* [Work to be completed]:
Please quote exactly the lines below from the line containing "#180=IFCINDEXEDPOLYGONALFACE((47,48,50,49));" to the line containing "#188=IFCINDEXEDPOLYGONALFACE((65,69,70,66));", both lines included, and nothing else.

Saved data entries
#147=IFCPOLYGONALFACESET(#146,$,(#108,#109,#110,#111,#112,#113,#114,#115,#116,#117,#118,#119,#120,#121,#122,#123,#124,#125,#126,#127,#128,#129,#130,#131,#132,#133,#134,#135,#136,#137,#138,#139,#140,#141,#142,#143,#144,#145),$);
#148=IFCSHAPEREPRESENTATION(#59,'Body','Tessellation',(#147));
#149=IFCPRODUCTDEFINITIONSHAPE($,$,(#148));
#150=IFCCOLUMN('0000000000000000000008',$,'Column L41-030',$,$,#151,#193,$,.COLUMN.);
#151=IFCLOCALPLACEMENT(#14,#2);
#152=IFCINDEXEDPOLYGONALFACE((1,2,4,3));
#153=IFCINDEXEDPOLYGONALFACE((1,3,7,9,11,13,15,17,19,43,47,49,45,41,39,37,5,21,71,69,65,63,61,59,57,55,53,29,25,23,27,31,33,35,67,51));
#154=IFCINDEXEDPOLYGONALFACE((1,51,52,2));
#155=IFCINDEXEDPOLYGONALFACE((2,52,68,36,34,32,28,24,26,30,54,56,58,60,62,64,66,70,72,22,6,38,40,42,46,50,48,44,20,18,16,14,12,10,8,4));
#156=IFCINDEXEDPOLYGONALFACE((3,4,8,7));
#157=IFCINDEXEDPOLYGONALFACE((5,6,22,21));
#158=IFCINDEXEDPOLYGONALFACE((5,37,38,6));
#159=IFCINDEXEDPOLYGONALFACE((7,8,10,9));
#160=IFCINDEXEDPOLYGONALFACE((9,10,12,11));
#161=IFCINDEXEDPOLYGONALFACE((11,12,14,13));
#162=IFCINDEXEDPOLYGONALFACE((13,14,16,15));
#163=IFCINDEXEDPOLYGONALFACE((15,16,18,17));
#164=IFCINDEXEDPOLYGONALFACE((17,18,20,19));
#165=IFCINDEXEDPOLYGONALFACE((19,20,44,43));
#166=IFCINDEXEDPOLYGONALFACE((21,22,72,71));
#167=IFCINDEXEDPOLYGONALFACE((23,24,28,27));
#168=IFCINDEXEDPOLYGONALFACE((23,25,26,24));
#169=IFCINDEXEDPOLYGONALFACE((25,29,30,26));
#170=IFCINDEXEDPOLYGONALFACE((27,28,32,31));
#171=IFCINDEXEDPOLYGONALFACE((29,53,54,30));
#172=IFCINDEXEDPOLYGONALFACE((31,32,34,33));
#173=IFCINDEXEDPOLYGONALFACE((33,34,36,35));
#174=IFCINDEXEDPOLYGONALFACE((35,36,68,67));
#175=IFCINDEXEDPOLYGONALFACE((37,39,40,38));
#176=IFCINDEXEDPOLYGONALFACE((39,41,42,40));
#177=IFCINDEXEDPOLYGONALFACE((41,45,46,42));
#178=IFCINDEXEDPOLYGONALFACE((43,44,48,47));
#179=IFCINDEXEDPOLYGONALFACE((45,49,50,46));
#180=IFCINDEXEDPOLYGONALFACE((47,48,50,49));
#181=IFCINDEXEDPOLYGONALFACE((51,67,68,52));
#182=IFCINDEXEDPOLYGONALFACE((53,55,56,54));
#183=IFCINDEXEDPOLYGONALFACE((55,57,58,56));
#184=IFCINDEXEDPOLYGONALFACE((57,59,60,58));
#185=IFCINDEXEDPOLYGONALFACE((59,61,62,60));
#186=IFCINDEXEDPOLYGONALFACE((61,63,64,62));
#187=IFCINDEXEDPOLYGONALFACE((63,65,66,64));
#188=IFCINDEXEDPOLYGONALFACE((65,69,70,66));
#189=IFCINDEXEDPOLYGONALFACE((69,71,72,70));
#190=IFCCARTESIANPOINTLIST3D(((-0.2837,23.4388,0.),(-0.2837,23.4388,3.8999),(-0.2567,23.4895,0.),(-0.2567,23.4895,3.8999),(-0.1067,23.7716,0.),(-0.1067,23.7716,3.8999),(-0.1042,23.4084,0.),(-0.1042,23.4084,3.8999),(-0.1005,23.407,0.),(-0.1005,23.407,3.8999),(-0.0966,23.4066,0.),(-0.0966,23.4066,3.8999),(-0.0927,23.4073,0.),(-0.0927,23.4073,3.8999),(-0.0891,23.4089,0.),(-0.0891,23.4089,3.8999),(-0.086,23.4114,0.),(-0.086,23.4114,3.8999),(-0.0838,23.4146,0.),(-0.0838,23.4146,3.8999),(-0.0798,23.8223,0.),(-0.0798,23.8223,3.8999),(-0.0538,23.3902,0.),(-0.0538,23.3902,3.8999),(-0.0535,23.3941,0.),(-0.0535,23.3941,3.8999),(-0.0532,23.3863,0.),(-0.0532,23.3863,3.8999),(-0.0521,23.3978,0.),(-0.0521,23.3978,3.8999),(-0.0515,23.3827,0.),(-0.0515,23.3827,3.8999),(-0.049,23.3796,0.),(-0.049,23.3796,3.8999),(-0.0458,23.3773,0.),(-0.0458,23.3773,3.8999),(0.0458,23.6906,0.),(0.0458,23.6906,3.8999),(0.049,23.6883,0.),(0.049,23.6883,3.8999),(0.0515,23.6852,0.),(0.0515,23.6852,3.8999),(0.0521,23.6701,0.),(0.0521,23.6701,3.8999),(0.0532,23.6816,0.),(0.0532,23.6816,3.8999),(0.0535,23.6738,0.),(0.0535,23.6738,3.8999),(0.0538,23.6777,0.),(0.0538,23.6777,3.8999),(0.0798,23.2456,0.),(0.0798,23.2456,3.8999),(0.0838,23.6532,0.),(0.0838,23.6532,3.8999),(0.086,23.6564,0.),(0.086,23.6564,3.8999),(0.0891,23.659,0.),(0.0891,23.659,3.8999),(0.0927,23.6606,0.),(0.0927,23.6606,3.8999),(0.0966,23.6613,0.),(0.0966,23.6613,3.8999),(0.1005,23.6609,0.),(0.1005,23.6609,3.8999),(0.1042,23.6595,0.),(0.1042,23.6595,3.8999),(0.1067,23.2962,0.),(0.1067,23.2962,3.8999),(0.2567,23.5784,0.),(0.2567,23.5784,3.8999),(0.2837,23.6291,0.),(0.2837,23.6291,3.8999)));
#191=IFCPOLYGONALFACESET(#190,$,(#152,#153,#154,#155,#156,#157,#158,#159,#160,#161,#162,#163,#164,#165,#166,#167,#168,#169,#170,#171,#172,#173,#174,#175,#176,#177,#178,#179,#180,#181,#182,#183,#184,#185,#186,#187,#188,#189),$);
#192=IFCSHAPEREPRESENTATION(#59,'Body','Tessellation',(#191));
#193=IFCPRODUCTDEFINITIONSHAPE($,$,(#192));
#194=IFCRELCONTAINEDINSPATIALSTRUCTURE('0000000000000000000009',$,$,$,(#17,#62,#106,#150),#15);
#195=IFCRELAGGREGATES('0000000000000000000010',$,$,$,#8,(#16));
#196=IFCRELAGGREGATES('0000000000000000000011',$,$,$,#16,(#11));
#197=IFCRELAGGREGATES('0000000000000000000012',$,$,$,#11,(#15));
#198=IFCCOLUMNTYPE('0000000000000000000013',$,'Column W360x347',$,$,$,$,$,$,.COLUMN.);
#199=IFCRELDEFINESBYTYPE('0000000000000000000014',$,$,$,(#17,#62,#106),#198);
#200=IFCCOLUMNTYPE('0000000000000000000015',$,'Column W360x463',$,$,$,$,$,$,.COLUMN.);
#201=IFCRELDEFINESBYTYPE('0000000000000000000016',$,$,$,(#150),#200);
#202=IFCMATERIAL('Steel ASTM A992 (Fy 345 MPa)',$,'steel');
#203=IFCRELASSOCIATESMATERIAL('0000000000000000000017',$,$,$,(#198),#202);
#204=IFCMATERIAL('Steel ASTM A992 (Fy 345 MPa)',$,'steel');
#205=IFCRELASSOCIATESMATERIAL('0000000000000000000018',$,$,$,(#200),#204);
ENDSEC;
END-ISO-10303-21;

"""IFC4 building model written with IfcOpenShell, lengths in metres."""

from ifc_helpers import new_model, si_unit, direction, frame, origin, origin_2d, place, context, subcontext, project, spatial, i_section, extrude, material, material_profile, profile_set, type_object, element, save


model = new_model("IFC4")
---
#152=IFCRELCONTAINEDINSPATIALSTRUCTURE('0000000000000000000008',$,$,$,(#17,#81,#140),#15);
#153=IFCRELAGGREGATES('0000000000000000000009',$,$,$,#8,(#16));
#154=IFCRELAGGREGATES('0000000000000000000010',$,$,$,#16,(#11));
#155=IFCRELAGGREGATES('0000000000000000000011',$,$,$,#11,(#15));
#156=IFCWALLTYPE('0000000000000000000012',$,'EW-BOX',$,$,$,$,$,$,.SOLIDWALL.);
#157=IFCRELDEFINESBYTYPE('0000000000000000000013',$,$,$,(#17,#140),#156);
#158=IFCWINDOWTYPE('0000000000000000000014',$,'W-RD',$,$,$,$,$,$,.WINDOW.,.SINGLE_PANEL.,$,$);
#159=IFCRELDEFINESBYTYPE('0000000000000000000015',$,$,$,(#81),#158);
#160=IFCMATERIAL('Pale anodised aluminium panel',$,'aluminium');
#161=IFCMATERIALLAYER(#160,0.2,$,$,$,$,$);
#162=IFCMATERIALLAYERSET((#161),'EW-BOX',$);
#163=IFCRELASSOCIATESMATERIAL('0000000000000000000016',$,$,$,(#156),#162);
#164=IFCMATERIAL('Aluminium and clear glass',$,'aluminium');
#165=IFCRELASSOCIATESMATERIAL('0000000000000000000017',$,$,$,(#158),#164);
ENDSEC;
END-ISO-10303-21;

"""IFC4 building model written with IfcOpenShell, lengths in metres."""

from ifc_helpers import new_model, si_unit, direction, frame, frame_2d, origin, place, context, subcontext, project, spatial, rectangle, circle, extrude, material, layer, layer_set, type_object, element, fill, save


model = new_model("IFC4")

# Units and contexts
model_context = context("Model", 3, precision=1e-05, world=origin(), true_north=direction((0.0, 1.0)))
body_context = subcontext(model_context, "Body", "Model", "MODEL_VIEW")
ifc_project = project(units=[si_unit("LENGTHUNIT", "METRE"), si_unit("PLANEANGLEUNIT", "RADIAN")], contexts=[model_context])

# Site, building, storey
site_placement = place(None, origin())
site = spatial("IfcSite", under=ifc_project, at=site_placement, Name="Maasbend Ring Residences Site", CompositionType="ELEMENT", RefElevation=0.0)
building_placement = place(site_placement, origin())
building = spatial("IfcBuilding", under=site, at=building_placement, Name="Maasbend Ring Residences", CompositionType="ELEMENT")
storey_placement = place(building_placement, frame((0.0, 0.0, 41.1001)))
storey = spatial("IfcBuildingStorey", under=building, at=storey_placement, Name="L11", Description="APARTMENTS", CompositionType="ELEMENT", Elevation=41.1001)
* * *
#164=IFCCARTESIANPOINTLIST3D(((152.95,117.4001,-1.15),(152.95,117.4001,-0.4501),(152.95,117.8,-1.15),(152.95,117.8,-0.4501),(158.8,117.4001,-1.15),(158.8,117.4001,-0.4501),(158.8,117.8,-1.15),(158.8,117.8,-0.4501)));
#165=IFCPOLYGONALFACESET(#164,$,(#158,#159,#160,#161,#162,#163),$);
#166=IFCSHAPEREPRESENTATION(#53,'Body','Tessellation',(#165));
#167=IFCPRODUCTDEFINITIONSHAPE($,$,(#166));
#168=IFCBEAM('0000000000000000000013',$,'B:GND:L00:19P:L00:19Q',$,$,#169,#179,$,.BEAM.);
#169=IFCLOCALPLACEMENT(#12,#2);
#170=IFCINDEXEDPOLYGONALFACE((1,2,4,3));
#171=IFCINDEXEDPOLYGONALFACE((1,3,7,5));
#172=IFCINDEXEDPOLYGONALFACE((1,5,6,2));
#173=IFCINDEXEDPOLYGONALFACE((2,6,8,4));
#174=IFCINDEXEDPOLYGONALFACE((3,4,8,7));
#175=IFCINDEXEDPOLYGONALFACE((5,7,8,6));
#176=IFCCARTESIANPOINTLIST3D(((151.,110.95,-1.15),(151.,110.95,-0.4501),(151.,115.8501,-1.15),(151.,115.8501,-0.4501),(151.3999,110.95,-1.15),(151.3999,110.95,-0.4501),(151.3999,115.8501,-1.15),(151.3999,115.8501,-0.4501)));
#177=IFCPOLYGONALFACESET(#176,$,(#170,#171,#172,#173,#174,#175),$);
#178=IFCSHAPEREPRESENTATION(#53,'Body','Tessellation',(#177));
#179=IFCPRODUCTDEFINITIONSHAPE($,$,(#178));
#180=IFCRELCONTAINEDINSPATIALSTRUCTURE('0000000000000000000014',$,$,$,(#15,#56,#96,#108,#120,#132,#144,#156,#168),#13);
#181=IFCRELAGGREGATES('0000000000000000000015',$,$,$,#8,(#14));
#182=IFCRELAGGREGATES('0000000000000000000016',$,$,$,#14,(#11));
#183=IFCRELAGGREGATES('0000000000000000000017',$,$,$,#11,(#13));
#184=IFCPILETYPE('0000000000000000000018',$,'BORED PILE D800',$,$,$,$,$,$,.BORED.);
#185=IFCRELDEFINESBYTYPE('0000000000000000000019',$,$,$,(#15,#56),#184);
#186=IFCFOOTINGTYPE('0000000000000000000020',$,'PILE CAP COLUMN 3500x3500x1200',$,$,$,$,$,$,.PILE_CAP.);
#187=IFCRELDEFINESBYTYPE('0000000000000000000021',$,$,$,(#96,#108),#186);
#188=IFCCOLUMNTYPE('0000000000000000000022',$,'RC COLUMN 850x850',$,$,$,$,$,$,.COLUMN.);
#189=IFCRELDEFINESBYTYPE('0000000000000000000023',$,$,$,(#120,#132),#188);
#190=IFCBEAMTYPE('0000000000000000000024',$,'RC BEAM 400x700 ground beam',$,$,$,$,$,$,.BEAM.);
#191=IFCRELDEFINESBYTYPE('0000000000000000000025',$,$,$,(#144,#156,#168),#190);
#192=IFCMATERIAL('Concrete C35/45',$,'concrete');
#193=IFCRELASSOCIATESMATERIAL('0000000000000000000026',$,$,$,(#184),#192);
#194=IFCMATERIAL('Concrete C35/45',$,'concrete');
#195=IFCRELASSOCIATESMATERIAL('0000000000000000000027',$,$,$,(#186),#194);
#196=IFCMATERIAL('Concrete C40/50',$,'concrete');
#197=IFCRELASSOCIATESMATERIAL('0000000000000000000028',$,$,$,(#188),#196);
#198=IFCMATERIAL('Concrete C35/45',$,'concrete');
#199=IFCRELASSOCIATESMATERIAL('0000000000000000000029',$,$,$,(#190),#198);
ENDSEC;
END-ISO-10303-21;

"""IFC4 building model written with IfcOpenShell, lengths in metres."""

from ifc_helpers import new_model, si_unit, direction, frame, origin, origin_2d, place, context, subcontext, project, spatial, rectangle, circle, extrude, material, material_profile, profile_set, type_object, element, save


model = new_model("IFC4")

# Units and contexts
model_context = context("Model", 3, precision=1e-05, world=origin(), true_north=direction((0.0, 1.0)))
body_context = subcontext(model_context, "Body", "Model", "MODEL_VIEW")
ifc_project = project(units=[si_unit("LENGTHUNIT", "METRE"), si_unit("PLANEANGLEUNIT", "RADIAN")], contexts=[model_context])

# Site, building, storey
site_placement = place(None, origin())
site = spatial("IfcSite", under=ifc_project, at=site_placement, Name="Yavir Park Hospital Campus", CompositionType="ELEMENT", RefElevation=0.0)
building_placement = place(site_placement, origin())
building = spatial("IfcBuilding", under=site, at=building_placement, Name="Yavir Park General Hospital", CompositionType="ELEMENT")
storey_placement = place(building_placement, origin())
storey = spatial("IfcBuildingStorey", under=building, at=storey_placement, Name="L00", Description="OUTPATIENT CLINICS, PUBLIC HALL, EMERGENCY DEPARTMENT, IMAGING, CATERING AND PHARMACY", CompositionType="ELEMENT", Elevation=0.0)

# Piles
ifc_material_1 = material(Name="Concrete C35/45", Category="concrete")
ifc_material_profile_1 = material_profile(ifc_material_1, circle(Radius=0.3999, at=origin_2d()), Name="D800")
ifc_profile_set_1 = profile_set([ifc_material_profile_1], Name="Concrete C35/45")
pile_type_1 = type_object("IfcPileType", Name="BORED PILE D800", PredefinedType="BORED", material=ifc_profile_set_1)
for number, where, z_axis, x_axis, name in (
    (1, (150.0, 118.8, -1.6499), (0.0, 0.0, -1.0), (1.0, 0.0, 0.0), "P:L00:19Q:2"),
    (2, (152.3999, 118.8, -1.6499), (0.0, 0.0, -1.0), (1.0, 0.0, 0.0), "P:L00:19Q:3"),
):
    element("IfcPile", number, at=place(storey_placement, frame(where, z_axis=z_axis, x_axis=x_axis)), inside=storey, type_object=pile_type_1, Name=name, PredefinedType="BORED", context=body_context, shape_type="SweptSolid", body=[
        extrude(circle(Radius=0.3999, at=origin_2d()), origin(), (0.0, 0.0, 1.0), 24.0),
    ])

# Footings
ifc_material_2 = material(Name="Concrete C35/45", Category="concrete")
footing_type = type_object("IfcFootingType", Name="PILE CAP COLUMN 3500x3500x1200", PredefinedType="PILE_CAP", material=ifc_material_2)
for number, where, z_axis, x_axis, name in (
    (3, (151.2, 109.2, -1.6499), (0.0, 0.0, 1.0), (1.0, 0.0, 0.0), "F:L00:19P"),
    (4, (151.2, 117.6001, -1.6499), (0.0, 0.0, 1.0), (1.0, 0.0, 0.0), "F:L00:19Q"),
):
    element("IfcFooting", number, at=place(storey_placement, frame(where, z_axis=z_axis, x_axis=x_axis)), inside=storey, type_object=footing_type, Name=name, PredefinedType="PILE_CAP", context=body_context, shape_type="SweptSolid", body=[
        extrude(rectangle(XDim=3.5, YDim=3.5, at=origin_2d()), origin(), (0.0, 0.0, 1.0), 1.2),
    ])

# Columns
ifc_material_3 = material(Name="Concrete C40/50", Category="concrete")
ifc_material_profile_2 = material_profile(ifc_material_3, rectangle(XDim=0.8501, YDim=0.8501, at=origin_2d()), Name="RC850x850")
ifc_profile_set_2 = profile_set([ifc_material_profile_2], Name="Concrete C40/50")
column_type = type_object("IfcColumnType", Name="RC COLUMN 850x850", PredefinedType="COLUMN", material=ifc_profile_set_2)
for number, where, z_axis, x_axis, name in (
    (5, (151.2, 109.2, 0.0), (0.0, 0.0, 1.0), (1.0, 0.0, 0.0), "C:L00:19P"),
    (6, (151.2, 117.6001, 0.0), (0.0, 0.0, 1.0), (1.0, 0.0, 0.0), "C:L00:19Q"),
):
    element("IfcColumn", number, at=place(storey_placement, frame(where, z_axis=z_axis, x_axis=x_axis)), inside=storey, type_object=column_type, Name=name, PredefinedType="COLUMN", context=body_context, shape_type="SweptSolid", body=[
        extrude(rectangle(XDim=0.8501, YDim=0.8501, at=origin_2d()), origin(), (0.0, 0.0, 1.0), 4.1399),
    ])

* [Output for this task]:
#180=IFCINDEXEDPOLYGONALFACE((47,48,50,49));
#181=IFCINDEXEDPOLYGONALFACE((51,67,68,52));
#182=IFCINDEXEDPOLYGONALFACE((53,55,56,54));
#183=IFCINDEXEDPOLYGONALFACE((55,57,58,56));
#184=IFCINDEXEDPOLYGONALFACE((57,59,60,58));
#185=IFCINDEXEDPOLYGONALFACE((59,61,62,60));
#186=IFCINDEXEDPOLYGONALFACE((61,63,64,62));
#187=IFCINDEXEDPOLYGONALFACE((63,65,66,64));
#188=IFCINDEXEDPOLYGONALFACE((65,69,70,66));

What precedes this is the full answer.